Could you count the lines in the listing that include the word "RefElevation"? Give only the number.

+++ Input records +++

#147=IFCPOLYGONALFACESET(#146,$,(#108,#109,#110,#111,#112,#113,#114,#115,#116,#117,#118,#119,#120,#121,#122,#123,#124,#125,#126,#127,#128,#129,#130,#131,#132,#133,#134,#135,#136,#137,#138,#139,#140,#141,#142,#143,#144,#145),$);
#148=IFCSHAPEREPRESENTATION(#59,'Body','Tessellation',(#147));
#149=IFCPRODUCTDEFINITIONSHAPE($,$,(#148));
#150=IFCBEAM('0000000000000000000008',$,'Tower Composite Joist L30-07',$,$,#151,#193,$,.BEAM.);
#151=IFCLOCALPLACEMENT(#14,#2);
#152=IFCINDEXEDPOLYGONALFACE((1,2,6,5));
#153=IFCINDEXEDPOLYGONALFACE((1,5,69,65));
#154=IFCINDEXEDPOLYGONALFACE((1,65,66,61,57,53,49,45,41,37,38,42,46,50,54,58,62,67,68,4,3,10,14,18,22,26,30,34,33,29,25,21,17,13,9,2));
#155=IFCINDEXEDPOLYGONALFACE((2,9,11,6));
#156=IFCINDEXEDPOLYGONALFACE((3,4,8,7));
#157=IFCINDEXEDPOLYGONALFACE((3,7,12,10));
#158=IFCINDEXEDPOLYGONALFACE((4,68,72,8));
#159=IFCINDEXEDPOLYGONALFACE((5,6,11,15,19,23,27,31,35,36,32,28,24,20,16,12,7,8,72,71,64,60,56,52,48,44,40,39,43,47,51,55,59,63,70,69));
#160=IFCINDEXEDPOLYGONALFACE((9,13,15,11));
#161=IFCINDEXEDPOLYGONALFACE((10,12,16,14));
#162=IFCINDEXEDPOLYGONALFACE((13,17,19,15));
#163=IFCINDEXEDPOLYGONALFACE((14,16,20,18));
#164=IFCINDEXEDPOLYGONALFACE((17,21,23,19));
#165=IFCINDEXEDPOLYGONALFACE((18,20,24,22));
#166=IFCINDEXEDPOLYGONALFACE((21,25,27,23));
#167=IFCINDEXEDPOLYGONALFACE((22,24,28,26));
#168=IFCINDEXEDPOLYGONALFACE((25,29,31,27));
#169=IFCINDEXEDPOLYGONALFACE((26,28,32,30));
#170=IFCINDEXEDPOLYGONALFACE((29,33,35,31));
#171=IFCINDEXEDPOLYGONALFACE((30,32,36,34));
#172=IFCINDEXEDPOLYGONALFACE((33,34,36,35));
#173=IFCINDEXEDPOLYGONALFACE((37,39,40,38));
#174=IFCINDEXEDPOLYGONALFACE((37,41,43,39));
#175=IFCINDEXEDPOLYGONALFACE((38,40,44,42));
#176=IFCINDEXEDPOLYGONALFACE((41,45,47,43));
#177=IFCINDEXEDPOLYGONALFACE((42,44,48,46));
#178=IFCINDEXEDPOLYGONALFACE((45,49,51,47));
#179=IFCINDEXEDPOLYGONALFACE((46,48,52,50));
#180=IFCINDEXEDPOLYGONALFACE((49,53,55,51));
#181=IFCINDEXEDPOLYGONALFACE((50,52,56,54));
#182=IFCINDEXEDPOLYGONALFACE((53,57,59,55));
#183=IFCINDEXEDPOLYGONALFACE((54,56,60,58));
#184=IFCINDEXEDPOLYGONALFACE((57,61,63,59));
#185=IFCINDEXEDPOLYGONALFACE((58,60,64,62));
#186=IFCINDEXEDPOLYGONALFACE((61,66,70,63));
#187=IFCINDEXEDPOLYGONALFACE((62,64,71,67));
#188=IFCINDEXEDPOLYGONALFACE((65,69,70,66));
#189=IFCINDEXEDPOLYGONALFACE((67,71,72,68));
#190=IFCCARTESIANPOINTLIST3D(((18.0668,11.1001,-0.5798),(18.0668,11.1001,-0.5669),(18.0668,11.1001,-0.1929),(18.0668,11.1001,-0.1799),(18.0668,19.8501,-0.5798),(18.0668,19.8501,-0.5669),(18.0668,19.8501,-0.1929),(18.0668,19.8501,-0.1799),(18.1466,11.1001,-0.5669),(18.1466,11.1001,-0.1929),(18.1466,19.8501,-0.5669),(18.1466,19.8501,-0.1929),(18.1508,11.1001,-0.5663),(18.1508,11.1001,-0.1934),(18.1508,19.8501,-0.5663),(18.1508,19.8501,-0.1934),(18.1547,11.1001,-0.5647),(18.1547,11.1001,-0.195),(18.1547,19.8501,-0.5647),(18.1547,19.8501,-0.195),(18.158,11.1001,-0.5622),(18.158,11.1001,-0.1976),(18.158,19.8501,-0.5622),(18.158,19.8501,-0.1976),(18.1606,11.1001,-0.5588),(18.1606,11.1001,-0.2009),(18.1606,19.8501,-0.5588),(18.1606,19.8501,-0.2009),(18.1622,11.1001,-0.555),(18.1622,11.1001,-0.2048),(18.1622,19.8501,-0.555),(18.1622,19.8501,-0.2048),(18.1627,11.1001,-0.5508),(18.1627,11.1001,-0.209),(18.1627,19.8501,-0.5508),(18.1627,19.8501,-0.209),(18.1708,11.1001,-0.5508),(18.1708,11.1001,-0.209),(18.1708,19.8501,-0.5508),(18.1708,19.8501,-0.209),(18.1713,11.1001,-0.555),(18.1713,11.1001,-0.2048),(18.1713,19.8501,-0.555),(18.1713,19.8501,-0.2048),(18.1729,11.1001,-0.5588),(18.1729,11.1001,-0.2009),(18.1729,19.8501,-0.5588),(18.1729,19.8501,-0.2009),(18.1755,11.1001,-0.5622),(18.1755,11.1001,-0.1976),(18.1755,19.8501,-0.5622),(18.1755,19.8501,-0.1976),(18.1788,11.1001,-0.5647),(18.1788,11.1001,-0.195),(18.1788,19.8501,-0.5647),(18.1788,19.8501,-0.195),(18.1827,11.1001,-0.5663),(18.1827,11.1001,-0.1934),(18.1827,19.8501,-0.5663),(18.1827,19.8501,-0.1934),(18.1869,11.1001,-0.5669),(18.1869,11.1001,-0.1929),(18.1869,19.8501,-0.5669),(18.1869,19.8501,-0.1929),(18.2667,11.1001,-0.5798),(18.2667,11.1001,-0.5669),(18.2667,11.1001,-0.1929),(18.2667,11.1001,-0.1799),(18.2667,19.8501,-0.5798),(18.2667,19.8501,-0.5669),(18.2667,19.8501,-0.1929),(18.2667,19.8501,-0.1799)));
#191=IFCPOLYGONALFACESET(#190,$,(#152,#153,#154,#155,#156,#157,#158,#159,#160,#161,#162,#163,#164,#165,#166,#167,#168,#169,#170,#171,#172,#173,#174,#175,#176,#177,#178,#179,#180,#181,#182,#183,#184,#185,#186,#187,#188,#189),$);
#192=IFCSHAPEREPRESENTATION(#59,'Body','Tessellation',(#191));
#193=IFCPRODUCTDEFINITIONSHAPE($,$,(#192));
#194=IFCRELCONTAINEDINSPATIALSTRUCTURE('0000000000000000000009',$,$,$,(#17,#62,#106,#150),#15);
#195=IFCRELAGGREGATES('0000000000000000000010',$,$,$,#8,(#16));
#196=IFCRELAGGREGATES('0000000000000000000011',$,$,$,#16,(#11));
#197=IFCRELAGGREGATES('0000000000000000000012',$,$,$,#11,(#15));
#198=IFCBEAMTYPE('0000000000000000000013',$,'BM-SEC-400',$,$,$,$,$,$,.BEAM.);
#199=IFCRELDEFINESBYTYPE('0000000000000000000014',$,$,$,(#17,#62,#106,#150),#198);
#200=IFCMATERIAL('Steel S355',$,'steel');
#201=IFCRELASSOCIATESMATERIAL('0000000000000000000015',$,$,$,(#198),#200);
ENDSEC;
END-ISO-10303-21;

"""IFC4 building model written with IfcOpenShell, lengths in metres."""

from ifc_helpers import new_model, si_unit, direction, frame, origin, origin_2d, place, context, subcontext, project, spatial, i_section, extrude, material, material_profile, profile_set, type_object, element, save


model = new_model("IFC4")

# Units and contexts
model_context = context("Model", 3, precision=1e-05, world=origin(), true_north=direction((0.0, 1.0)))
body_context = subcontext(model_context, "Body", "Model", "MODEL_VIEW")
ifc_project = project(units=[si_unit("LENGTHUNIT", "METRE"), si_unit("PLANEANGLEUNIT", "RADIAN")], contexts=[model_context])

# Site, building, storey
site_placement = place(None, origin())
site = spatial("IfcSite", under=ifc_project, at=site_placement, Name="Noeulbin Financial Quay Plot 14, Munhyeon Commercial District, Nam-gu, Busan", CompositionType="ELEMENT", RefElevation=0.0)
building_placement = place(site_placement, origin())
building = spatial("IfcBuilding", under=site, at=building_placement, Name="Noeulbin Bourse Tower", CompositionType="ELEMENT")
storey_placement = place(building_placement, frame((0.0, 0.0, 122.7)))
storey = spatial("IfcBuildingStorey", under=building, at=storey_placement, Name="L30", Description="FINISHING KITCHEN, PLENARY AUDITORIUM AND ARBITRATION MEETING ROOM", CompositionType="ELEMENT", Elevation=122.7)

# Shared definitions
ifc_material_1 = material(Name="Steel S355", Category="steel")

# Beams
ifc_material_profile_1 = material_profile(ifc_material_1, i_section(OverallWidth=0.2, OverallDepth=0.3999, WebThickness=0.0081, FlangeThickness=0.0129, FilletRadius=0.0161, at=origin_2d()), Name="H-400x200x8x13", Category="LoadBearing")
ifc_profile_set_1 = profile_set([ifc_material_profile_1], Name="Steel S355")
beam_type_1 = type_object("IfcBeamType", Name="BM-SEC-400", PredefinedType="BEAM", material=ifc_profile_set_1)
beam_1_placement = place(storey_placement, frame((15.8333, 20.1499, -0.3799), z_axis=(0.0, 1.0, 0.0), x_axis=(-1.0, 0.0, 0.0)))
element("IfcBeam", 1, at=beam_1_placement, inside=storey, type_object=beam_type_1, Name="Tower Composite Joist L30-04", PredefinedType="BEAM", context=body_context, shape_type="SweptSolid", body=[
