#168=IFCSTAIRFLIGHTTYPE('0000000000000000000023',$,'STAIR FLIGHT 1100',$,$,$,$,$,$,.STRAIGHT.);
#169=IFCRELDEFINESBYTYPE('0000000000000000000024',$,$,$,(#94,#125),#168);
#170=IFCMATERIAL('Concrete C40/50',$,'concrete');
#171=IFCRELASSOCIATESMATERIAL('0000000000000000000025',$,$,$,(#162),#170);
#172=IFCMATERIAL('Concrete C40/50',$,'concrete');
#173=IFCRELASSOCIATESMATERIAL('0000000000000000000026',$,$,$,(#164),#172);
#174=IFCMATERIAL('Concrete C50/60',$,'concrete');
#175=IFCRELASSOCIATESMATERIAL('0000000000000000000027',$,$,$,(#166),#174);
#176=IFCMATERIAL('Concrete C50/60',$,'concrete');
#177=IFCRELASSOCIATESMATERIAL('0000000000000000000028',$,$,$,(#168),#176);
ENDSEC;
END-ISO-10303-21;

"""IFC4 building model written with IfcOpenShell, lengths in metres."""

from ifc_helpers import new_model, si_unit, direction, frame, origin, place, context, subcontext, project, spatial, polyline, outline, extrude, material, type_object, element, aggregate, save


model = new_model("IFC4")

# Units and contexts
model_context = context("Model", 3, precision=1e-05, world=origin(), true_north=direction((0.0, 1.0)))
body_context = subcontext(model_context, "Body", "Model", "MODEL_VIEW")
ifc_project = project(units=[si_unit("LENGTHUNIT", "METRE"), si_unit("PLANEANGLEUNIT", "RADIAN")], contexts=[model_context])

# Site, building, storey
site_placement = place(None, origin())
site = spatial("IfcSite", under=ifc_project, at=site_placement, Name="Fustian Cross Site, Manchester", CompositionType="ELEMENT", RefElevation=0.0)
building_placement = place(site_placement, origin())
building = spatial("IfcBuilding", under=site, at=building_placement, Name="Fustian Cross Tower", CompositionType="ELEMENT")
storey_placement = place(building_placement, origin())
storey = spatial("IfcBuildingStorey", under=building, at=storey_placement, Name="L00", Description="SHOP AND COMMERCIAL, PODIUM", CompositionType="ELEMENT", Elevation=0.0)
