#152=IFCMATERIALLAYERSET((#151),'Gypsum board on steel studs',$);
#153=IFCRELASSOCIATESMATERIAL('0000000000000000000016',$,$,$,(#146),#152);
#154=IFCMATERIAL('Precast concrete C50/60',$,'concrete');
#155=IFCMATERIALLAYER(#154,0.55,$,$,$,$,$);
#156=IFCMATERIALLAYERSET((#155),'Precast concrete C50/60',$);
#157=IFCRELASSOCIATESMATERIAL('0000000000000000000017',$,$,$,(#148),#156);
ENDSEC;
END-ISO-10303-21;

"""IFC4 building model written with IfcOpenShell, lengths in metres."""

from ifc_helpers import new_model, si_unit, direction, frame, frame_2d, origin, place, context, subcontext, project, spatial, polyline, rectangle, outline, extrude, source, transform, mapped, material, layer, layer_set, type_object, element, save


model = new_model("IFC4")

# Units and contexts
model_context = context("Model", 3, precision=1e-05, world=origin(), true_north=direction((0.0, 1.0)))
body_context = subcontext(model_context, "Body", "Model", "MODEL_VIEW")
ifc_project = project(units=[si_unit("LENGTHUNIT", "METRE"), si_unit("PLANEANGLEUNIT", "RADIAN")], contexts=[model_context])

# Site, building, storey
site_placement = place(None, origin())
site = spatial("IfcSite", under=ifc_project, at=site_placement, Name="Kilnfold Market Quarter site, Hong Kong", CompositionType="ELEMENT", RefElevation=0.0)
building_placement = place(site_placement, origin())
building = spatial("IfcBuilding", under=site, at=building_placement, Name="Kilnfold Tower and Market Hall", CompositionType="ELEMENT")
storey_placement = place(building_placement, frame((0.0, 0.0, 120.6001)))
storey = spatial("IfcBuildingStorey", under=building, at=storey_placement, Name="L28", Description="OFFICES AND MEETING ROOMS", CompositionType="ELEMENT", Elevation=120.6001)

+++

Final answer:
3